──────── MATERIAL TO PROCESS

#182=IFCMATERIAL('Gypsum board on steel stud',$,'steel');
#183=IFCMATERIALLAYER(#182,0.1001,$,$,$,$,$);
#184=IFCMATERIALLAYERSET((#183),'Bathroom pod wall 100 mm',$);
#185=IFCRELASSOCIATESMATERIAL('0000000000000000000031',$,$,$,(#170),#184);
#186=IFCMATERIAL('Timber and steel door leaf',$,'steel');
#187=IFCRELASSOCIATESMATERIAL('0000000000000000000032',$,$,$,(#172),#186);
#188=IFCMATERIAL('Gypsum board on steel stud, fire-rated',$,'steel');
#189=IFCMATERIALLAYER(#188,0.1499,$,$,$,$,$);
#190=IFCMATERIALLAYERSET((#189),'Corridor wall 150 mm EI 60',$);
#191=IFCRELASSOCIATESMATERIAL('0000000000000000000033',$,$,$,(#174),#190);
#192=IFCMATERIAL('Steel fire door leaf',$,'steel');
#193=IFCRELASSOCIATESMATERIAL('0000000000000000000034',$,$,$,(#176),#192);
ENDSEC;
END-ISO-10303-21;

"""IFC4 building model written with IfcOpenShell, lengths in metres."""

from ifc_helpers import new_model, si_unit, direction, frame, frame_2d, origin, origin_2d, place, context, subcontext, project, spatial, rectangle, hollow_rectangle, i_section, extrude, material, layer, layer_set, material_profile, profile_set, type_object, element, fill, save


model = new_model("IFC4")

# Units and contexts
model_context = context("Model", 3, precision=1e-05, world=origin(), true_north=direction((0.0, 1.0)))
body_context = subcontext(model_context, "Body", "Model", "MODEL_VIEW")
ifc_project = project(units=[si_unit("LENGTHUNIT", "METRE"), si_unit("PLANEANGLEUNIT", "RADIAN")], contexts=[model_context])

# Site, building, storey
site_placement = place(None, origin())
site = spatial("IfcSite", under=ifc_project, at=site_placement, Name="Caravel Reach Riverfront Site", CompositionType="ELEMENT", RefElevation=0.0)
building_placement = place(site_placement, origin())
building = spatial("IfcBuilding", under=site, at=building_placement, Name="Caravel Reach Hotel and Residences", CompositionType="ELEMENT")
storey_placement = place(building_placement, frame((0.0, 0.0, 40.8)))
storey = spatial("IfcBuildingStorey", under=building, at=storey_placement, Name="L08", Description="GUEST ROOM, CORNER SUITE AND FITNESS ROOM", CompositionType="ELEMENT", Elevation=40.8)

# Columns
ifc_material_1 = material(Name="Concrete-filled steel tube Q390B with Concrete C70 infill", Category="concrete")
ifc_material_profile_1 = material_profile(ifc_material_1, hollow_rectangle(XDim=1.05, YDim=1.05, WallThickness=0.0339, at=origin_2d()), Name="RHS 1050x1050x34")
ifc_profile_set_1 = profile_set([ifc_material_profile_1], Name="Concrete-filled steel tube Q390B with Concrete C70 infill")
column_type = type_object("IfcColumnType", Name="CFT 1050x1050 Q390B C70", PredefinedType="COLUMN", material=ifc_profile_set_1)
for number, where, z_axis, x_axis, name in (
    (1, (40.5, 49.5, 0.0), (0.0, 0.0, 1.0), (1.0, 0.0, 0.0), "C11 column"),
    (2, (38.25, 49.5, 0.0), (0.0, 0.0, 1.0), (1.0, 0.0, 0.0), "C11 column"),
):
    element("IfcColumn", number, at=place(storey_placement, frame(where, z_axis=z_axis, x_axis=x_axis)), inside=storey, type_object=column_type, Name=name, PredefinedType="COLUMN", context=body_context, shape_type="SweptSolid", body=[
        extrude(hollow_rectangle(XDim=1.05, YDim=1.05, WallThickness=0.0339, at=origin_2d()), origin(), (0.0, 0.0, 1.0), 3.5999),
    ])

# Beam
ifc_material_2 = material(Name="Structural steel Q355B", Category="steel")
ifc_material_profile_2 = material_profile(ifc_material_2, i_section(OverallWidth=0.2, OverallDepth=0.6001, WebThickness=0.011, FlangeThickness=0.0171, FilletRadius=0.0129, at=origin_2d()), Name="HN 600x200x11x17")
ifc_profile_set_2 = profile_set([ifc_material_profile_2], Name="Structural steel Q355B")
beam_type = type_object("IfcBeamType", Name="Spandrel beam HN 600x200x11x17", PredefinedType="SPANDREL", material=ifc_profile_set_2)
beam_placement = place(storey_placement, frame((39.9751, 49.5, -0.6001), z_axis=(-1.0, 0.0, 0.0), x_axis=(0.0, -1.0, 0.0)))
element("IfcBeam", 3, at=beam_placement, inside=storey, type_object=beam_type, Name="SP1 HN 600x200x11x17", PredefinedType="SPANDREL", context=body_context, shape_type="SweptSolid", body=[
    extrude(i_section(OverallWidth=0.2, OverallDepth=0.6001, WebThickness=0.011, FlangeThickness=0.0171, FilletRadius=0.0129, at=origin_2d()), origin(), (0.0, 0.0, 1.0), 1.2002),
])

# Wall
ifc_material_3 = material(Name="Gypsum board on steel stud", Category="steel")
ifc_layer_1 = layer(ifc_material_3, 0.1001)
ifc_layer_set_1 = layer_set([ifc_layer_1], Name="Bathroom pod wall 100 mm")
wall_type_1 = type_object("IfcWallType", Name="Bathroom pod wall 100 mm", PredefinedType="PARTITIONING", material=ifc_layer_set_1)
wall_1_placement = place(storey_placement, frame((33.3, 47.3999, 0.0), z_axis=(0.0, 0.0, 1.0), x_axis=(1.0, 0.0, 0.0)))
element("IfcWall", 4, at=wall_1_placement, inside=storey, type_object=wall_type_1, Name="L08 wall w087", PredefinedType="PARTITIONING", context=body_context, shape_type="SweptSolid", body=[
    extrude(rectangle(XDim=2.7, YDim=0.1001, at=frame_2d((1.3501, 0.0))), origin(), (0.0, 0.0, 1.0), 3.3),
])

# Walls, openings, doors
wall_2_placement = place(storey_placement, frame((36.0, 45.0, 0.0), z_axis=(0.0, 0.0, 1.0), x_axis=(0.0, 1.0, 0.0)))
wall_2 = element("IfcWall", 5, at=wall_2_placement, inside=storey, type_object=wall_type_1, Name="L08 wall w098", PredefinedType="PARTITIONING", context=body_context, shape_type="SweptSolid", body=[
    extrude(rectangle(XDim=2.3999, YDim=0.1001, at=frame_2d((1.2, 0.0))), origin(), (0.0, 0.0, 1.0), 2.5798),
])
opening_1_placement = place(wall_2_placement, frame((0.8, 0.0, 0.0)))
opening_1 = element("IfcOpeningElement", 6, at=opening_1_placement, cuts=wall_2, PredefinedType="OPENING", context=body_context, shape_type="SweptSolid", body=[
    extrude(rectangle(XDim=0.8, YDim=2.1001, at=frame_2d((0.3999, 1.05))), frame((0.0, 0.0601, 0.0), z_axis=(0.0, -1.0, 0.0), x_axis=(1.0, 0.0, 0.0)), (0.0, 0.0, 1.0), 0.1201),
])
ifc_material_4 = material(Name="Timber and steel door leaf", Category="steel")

────────────────

EXERCISE BRIEF
How many lines in the entries hold the word "filled"? Only the number is wanted.

ANSWER FOR THE TASK
2